__Work to complete__: Search the entries for the word "transom" and return every line where it is found.
*** Information shown ***
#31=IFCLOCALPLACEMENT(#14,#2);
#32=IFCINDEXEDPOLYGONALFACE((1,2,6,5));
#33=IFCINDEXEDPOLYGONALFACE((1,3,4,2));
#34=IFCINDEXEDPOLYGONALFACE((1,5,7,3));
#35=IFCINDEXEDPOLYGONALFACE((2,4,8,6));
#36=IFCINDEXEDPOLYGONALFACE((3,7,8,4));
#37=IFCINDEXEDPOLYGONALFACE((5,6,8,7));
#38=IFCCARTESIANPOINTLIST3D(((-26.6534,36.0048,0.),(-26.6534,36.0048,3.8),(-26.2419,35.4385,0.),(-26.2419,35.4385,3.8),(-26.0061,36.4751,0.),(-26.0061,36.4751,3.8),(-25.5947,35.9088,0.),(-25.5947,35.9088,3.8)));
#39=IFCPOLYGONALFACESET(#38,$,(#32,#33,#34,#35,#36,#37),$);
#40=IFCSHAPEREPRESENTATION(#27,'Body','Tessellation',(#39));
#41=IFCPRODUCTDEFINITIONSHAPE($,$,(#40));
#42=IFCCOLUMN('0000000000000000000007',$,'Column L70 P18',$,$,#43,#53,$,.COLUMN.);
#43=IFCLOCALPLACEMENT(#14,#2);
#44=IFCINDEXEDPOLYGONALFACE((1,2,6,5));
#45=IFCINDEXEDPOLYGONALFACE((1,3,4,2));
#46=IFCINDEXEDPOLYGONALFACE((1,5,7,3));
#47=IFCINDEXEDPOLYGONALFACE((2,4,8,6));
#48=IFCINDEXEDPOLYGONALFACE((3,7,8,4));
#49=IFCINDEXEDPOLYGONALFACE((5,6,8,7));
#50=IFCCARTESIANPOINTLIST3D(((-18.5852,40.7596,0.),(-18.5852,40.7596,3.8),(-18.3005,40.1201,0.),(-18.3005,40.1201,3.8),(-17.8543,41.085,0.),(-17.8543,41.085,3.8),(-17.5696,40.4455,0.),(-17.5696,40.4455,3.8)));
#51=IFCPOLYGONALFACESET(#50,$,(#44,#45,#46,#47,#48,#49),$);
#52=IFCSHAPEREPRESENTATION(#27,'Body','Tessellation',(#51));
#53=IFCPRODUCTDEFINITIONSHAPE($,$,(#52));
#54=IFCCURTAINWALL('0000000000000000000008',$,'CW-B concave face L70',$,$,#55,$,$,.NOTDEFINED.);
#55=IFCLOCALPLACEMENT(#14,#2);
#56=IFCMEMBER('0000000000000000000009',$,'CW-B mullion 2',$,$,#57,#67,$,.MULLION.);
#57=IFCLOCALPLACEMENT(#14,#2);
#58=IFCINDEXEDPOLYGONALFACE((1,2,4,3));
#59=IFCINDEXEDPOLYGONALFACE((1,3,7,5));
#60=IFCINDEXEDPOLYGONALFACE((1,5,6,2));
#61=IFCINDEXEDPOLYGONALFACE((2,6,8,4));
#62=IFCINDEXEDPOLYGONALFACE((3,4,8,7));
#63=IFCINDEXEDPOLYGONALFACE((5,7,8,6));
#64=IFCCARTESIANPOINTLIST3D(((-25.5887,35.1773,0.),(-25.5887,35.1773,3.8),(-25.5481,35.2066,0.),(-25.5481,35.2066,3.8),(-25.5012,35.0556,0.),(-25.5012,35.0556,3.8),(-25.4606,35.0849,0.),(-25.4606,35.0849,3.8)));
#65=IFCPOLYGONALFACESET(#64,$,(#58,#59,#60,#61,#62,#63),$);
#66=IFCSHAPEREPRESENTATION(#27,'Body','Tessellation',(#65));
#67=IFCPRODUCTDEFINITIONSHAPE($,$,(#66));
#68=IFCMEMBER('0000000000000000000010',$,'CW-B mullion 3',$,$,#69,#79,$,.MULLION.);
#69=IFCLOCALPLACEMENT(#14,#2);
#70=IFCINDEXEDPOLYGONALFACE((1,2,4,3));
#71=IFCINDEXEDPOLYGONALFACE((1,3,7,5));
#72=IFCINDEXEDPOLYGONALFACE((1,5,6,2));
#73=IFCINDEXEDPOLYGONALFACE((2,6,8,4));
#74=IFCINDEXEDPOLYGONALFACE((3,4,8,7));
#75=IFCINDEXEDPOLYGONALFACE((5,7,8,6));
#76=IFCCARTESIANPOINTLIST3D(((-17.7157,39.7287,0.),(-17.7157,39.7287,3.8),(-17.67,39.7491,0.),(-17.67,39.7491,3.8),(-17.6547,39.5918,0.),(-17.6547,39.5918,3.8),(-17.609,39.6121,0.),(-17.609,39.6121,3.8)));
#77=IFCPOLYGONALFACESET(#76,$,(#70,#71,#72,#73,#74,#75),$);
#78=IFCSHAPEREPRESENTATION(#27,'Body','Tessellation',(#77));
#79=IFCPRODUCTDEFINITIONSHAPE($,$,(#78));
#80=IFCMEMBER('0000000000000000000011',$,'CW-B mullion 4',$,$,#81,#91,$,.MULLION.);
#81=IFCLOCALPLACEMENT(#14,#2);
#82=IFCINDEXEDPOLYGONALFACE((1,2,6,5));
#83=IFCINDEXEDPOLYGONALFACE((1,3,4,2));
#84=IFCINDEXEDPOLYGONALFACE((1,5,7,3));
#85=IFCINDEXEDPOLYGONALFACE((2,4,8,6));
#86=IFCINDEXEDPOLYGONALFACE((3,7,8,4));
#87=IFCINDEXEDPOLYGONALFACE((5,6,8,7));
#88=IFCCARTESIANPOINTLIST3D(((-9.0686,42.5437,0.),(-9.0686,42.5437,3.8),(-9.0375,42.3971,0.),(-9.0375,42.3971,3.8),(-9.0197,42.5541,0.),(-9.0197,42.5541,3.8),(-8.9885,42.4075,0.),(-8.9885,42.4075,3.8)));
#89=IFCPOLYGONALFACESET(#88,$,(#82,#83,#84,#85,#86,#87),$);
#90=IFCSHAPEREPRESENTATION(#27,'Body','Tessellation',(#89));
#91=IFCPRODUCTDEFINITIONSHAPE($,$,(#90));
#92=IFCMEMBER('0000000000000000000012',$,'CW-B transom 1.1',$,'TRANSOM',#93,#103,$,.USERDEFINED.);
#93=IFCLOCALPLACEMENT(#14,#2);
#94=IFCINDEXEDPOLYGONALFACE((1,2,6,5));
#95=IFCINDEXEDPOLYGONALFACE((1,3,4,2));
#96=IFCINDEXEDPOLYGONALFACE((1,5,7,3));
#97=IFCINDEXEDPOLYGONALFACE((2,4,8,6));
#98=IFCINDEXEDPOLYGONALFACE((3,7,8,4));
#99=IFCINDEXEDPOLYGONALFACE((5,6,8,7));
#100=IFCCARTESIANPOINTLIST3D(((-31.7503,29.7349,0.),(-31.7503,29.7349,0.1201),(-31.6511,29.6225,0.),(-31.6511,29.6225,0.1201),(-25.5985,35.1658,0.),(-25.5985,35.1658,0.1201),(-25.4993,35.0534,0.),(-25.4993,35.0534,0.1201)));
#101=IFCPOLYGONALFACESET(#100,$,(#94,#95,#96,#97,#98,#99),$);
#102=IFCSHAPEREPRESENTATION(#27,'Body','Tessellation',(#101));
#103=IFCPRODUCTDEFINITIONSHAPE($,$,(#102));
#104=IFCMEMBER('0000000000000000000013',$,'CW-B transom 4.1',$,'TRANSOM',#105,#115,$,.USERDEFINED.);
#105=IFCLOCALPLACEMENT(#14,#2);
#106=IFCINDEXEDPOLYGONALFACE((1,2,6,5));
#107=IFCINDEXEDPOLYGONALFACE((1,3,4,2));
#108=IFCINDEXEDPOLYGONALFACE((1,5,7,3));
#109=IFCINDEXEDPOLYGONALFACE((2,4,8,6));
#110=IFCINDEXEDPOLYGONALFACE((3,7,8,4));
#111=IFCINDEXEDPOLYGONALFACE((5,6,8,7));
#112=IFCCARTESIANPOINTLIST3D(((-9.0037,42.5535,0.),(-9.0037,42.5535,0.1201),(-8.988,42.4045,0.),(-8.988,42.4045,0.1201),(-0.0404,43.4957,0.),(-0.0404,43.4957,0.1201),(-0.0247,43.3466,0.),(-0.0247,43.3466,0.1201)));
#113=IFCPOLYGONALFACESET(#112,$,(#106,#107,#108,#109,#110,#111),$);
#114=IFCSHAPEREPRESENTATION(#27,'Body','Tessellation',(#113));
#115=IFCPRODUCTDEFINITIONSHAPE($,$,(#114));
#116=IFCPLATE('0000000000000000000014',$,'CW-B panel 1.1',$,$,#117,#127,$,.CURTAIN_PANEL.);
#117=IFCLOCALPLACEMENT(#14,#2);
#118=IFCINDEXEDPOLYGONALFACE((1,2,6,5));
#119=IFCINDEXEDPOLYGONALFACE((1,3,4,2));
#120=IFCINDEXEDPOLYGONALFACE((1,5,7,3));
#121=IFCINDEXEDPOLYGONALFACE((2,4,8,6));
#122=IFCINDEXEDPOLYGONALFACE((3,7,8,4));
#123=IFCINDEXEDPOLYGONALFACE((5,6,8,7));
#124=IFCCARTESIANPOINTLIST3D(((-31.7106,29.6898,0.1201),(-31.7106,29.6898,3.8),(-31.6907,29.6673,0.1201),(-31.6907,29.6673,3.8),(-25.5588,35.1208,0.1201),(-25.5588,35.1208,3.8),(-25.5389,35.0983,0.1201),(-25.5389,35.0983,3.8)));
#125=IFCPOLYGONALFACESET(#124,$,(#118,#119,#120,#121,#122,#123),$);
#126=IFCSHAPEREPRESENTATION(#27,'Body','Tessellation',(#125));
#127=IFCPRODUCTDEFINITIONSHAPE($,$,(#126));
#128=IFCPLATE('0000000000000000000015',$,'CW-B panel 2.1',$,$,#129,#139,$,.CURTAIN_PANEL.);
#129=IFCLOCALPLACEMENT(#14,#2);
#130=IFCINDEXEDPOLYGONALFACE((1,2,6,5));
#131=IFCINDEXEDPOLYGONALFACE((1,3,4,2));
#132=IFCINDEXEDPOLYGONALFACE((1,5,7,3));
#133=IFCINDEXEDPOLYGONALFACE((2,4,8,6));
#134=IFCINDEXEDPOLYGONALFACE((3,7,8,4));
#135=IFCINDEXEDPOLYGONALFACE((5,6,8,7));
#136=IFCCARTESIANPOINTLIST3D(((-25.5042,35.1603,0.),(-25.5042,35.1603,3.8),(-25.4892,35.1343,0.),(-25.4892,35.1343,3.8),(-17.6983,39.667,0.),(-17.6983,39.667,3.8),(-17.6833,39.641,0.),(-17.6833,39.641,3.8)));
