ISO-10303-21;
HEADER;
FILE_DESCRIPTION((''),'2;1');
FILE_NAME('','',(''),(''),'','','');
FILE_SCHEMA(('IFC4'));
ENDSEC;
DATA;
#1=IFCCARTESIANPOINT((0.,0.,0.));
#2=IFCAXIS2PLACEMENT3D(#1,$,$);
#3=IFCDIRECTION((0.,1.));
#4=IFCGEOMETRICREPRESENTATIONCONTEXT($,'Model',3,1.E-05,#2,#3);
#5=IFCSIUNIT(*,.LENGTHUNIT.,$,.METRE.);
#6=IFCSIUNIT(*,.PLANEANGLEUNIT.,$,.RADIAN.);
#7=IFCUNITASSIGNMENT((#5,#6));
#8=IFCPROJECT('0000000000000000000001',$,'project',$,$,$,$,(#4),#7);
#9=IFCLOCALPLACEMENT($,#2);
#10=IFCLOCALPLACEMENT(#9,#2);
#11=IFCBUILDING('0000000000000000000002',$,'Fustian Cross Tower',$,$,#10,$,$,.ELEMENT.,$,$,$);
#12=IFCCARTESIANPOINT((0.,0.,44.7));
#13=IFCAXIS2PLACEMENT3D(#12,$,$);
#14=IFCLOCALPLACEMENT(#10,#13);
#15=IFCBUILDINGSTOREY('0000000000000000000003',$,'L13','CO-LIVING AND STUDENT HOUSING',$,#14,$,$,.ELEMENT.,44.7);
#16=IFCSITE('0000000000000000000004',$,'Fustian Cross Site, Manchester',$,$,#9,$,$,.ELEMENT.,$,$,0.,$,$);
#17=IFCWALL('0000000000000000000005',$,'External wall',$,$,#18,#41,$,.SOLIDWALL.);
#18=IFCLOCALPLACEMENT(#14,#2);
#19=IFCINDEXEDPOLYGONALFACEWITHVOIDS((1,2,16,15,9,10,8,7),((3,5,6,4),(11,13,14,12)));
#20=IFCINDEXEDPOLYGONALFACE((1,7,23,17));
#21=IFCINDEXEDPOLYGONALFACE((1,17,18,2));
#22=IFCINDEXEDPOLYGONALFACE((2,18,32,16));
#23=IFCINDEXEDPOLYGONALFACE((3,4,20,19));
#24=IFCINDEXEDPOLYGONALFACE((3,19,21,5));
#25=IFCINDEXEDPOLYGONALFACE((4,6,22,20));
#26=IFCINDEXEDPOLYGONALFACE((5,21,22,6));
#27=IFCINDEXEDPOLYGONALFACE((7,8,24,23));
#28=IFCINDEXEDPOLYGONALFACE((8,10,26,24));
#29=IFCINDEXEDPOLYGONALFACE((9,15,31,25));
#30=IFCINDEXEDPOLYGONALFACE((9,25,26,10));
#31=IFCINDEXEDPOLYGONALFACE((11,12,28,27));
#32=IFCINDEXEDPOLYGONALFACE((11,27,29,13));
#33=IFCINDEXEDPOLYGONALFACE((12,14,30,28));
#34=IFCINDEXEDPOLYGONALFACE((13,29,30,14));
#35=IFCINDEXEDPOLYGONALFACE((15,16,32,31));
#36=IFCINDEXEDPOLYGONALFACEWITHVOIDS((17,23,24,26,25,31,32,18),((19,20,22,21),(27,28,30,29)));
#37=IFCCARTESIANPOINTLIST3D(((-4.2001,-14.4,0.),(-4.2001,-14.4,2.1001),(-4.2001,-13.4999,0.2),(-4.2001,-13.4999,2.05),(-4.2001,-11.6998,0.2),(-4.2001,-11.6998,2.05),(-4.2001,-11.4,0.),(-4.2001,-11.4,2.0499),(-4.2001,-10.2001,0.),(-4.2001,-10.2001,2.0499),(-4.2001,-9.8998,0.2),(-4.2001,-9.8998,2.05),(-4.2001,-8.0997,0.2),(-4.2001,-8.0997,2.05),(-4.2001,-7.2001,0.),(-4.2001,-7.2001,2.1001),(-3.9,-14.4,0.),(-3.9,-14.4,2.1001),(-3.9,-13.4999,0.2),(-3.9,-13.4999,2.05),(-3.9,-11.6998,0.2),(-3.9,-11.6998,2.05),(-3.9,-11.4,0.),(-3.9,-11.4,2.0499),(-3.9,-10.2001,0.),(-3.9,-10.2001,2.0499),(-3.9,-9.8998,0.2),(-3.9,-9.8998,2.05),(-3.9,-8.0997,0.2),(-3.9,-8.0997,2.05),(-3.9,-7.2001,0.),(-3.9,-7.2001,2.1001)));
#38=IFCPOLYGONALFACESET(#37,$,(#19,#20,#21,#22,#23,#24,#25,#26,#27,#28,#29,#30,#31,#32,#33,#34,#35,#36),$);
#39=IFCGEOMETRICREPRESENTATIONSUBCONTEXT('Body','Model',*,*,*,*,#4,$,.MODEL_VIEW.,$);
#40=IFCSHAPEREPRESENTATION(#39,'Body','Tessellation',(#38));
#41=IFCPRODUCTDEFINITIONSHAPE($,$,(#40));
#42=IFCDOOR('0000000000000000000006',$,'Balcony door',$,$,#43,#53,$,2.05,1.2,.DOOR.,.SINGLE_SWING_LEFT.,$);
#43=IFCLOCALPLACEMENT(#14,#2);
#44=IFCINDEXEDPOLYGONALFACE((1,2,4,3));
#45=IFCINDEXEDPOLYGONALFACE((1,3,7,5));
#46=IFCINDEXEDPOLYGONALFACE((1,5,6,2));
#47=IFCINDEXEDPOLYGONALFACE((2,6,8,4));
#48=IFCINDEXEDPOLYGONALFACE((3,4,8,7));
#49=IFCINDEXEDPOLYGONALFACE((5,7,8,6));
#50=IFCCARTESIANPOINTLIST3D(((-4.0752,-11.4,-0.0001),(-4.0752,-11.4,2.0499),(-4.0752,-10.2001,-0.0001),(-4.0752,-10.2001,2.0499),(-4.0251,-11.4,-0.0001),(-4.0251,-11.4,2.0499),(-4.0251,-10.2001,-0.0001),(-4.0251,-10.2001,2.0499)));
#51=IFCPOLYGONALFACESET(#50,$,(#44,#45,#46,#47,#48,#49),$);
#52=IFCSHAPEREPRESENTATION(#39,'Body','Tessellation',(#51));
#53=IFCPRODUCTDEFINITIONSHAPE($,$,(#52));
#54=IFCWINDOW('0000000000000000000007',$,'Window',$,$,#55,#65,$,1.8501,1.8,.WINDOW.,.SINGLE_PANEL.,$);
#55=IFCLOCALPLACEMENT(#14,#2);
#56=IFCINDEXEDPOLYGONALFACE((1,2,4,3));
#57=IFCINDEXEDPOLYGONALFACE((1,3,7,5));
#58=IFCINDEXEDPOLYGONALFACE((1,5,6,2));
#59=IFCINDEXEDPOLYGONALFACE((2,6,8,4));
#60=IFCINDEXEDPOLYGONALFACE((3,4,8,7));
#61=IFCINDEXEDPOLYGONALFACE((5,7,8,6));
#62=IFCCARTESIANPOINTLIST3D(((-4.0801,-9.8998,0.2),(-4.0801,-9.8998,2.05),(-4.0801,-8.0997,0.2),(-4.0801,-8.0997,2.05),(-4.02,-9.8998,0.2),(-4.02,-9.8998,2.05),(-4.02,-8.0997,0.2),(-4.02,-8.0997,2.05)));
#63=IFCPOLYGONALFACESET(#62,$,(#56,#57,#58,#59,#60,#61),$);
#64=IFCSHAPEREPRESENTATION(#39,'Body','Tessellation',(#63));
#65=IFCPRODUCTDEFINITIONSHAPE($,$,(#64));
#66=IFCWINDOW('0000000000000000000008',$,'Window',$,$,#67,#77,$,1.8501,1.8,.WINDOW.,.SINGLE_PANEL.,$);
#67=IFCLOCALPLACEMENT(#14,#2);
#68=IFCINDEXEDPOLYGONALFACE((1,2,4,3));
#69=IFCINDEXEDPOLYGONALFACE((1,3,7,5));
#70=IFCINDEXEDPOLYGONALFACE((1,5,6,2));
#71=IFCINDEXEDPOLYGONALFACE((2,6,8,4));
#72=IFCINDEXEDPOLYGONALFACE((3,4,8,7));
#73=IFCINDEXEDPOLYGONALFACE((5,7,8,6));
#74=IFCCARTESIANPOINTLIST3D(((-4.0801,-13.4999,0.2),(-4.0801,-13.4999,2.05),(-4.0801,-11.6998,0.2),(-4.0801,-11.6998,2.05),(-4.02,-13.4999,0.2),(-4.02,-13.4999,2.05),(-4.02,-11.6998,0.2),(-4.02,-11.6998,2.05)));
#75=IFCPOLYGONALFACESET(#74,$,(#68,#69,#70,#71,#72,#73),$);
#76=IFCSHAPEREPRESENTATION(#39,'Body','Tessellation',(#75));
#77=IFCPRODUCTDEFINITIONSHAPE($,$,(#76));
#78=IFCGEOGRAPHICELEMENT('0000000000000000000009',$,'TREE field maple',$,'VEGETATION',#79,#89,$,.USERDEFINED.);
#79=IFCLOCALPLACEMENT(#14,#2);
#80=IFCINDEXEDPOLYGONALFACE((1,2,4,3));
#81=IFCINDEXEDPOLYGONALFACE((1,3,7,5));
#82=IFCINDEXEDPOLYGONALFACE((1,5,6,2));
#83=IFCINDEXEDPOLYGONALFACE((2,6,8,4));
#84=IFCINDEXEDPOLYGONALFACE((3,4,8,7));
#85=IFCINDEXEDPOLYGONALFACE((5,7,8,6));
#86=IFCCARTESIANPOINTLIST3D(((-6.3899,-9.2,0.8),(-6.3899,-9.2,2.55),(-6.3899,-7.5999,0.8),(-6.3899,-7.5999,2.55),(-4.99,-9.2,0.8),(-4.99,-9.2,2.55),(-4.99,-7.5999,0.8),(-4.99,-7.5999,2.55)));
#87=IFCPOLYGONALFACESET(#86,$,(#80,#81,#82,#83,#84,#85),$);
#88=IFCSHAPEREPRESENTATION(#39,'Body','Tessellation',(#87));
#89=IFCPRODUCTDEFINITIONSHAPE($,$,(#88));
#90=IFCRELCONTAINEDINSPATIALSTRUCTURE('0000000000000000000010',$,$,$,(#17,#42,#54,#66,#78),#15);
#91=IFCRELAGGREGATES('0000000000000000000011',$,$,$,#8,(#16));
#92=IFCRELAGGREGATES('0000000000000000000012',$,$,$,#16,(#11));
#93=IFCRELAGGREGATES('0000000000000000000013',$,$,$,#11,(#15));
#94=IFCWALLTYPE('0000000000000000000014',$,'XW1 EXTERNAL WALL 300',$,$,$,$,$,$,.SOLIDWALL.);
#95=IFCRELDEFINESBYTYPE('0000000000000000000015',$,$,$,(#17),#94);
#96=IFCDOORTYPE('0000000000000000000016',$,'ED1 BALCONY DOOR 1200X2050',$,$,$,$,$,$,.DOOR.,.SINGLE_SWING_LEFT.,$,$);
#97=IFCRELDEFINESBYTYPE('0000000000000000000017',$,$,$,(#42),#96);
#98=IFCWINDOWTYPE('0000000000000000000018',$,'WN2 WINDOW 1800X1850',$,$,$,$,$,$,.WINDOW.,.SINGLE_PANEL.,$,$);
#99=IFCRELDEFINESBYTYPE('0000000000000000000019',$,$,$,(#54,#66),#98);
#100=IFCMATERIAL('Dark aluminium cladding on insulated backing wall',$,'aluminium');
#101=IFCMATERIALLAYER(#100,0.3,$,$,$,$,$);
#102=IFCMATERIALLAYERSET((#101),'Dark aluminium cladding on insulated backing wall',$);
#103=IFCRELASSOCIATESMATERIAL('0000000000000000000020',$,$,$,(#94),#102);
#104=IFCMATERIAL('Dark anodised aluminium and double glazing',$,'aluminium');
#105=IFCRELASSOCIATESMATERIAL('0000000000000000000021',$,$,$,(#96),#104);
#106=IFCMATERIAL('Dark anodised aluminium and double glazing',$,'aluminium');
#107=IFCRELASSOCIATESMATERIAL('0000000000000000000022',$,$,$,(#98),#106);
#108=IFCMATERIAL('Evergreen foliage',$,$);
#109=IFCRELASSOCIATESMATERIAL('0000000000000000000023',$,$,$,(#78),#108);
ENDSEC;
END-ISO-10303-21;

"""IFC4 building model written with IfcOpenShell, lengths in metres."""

from ifc_helpers import new_model, si_unit, direction, frame, frame_2d, origin, origin_2d, place, context, subcontext, project, spatial, rectangle, extrude, material, layer, layer_set, type_object, element, fill, save


model = new_model("IFC4")

# Units and contexts
model_context = context("Model", 3, precision=1e-05, world=origin(), true_north=direction((0.0, 1.0)))
body_context = subcontext(model_context, "Body", "Model", "MODEL_VIEW")
ifc_project = project(units=[si_unit("LENGTHUNIT", "METRE"), si_unit("PLANEANGLEUNIT", "RADIAN")], contexts=[model_context])

# Site, building, storey
site_placement = place(None, origin())
site = spatial("IfcSite", under=ifc_project, at=site_placement, Name="Fustian Cross Site, Manchester", CompositionType="ELEMENT", RefElevation=0.0)
building_placement = place(site_placement, origin())
building = spatial("IfcBuilding", under=site, at=building_placement, Name="Fustian Cross Tower", CompositionType="ELEMENT")
storey_placement = place(building_placement, frame((0.0, 0.0, 44.7)))
storey = spatial("IfcBuildingStorey", under=building, at=storey_placement, Name="L13", Description="CO-LIVING AND STUDENT HOUSING", CompositionType="ELEMENT", Elevation=44.7)

# Shared definitions
ifc_material_1 = material(Name="Dark aluminium cladding on insulated backing wall", Category="aluminium")
ifc_layer_1 = layer(ifc_material_1, 0.3)
ifc_layer_set_1 = layer_set([ifc_layer_1], Name="Dark aluminium cladding on insulated backing wall")
wall_type_1 = type_object("IfcWallType", Name="XW1 EXTERNAL WALL 300", PredefinedType="SOLIDWALL", material=ifc_layer_set_1)

# Wall, openings, door, windows
wall_1_placement = place(storey_placement, frame((-4.05, -7.2, 0.0), z_axis=(0.0, 0.0, 1.0), x_axis=(0.0, -1.0, 0.0)))
wall_1 = element("IfcWall", 1, at=wall_1_placement, inside=storey, type_object=wall_type_1, Name="External wall", PredefinedType="SOLIDWALL", context=body_context, shape_type="SweptSolid", body=[
    extrude(rectangle(XDim=7.2, YDim=0.3, at=frame_2d((3.6001, 0.0))), origin(), (0.0, 0.0, 1.0), 2.1001),
])
opening_1_placement = place(wall_1_placement, frame((3.0, 0.0, 0.0)))
opening_1 = element("IfcOpeningElement", 2, at=opening_1_placement, cuts=wall_1, PredefinedType="OPENING", context=body_context, shape_type="SweptSolid", body=[
    extrude(rectangle(XDim=1.2, YDim=2.05, at=frame_2d((0.6001, 1.0249))), frame((0.0, 0.1599, 0.0), z_axis=(0.0, -1.0, 0.0), x_axis=(1.0, 0.0, 0.0)), (0.0, 0.0, 1.0), 0.3201),
])
opening_2_placement = place(wall_1_placement, frame((0.8999, 0.0, 0.2)))
opening_2 = element("IfcOpeningElement", 3, at=opening_2_placement, cuts=wall_1, PredefinedType="OPENING", context=body_context, shape_type="SweptSolid", body=[
    extrude(rectangle(XDim=1.8, YDim=1.8501, at=frame_2d((0.8999, 0.925))), frame((0.0, 0.1599, 0.0), z_axis=(0.0, -1.0, 0.0), x_axis=(1.0, 0.0, 0.0)), (0.0, 0.0, 1.0), 0.3201),
])
opening_3_placement = place(wall_1_placement, frame((4.5, 0.0, 0.2)))
opening_3 = element("IfcOpeningElement", 4, at=opening_3_placement, cuts=wall_1, PredefinedType="OPENING", context=body_context, shape_type="SweptSolid", body=[
    extrude(rectangle(XDim=1.8, YDim=1.8501, at=frame_2d((0.8999, 0.925))), frame((0.0, 0.1599, 0.0), z_axis=(0.0, -1.0, 0.0), x_axis=(1.0, 0.0, 0.0)), (0.0, 0.0, 1.0), 0.3201),
])
ifc_material_2 = material(Name="Dark anodised aluminium and double glazing", Category="aluminium")
door_type_1 = type_object("IfcDoorType", Name="ED1 BALCONY DOOR 1200X2050", OperationType="SINGLE_SWING_LEFT", PredefinedType="DOOR", material=ifc_material_2)
door_1_placement = place(opening_1_placement, origin())
door_1 = element("IfcDoor", 5, at=door_1_placement, inside=storey, type_object=door_type_1, Name="Balcony door", OperationType="SINGLE_SWING_LEFT", OverallHeight=2.05, OverallWidth=1.2, PredefinedType="DOOR", context=body_context, shape_type="SweptSolid", body=[
    extrude(rectangle(XDim=1.2, YDim=2.05, at=frame_2d((0.6001, 1.0249))), frame((0.0, 0.0249, 0.0), z_axis=(0.0, -1.0, 0.0), x_axis=(1.0, 0.0, 0.0)), (0.0, 0.0, 1.0), 0.05),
*** End of Information shown ***
__Task answer__:
#92=IFCMEMBER('0000000000000000000012',$,'CW-B transom 1.1',$,'TRANSOM',#93,#103,$,.USERDEFINED.);
#104=IFCMEMBER('0000000000000000000013',$,'CW-B transom 4.1',$,'TRANSOM',#105,#115,$,.USERDEFINED.);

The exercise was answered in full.